(TASK OBJECTIVE):
If a line in the records below contains the word "spatial", copy it.

(EXERCISE DATA):

<<<<

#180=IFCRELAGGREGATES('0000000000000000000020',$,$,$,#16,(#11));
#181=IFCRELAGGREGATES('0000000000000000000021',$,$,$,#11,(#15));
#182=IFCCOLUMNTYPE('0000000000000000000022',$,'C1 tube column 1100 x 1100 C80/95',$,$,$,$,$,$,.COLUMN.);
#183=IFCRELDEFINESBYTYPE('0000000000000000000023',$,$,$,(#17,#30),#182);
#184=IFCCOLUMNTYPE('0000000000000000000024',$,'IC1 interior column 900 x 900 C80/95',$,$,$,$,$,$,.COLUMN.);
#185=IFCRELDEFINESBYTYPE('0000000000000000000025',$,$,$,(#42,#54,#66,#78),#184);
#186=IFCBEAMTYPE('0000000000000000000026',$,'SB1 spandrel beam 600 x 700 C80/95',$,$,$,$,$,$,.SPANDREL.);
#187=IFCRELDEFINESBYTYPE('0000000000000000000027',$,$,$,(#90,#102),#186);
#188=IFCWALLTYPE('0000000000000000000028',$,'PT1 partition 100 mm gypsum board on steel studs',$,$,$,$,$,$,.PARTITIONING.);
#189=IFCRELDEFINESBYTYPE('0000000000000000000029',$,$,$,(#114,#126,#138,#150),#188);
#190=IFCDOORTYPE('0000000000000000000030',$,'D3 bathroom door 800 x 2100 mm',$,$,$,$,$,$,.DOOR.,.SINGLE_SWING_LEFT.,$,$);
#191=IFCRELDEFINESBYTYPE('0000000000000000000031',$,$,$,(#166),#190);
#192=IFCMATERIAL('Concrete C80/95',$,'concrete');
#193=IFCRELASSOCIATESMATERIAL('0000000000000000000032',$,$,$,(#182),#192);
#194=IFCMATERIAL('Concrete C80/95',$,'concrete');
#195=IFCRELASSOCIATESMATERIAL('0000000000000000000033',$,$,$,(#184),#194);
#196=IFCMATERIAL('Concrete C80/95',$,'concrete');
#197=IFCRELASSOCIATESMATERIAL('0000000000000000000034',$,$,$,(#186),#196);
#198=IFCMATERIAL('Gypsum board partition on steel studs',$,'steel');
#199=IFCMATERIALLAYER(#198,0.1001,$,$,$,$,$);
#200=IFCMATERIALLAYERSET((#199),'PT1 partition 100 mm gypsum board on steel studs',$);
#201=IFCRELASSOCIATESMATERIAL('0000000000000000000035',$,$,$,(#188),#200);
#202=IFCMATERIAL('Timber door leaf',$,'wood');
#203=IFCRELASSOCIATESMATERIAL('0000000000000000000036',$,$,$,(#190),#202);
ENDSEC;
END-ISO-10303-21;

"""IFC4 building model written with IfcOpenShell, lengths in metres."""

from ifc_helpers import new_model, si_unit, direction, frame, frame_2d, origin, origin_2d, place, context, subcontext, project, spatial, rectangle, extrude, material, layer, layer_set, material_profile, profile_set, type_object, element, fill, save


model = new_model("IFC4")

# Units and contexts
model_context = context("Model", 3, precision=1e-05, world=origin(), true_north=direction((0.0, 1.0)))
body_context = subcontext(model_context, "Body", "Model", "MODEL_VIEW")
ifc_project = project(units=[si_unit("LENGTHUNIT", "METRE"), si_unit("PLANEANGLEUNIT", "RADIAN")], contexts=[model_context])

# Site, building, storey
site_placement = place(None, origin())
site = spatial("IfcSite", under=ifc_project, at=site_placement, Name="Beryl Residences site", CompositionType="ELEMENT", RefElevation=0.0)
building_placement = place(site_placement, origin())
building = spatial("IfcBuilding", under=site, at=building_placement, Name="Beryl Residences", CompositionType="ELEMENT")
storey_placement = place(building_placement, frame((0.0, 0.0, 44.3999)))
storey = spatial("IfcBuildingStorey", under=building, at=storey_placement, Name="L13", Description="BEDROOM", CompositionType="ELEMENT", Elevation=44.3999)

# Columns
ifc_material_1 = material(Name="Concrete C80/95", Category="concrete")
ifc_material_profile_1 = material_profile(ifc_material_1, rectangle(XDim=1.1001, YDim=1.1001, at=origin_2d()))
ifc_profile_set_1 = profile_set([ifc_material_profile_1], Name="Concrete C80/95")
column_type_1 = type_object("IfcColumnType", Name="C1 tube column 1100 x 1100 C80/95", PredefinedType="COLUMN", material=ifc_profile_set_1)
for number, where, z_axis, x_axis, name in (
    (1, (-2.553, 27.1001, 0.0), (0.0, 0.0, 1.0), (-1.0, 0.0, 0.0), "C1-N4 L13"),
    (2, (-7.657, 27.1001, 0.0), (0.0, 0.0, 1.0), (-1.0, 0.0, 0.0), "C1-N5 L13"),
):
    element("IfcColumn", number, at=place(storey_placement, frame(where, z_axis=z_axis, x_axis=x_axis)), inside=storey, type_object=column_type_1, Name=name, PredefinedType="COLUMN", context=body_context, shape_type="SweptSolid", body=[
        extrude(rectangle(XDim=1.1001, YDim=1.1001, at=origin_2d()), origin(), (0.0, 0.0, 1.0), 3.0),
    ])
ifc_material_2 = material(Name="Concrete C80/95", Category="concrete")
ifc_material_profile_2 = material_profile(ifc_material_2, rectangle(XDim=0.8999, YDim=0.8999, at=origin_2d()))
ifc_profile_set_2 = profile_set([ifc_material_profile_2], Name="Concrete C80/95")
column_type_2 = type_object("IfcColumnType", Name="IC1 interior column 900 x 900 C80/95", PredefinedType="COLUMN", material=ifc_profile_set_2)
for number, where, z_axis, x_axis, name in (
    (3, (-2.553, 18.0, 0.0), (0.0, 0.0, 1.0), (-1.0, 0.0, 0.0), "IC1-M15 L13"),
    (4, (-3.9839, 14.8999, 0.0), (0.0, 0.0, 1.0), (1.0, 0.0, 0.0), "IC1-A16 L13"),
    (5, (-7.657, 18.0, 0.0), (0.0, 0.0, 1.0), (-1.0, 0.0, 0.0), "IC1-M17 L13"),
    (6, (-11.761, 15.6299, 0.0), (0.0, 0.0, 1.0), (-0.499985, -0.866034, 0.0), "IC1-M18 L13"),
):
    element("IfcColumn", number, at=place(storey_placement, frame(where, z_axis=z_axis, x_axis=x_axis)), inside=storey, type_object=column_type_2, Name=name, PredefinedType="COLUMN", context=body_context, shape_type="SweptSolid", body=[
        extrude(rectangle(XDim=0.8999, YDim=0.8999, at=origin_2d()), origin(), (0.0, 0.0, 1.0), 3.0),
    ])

>>>>

(OUTPUT OF THE TASK):
from ifc_helpers import new_model, si_unit, direction, frame, frame_2d, origin, origin_2d, place, context, subcontext, project, spatial, rectangle, extrude, material, layer, layer_set, material_profile, profile_set, type_object, element, fill, save
site = spatial("IfcSite", under=ifc_project, at=site_placement, Name="Beryl Residences site", CompositionType="ELEMENT", RefElevation=0.0)
building = spatial("IfcBuilding", under=site, at=building_placement, Name="Beryl Residences", CompositionType="ELEMENT")
storey = spatial("IfcBuildingStorey", under=building, at=storey_placement, Name="L13", Description="BEDROOM", CompositionType="ELEMENT", Elevation=44.3999)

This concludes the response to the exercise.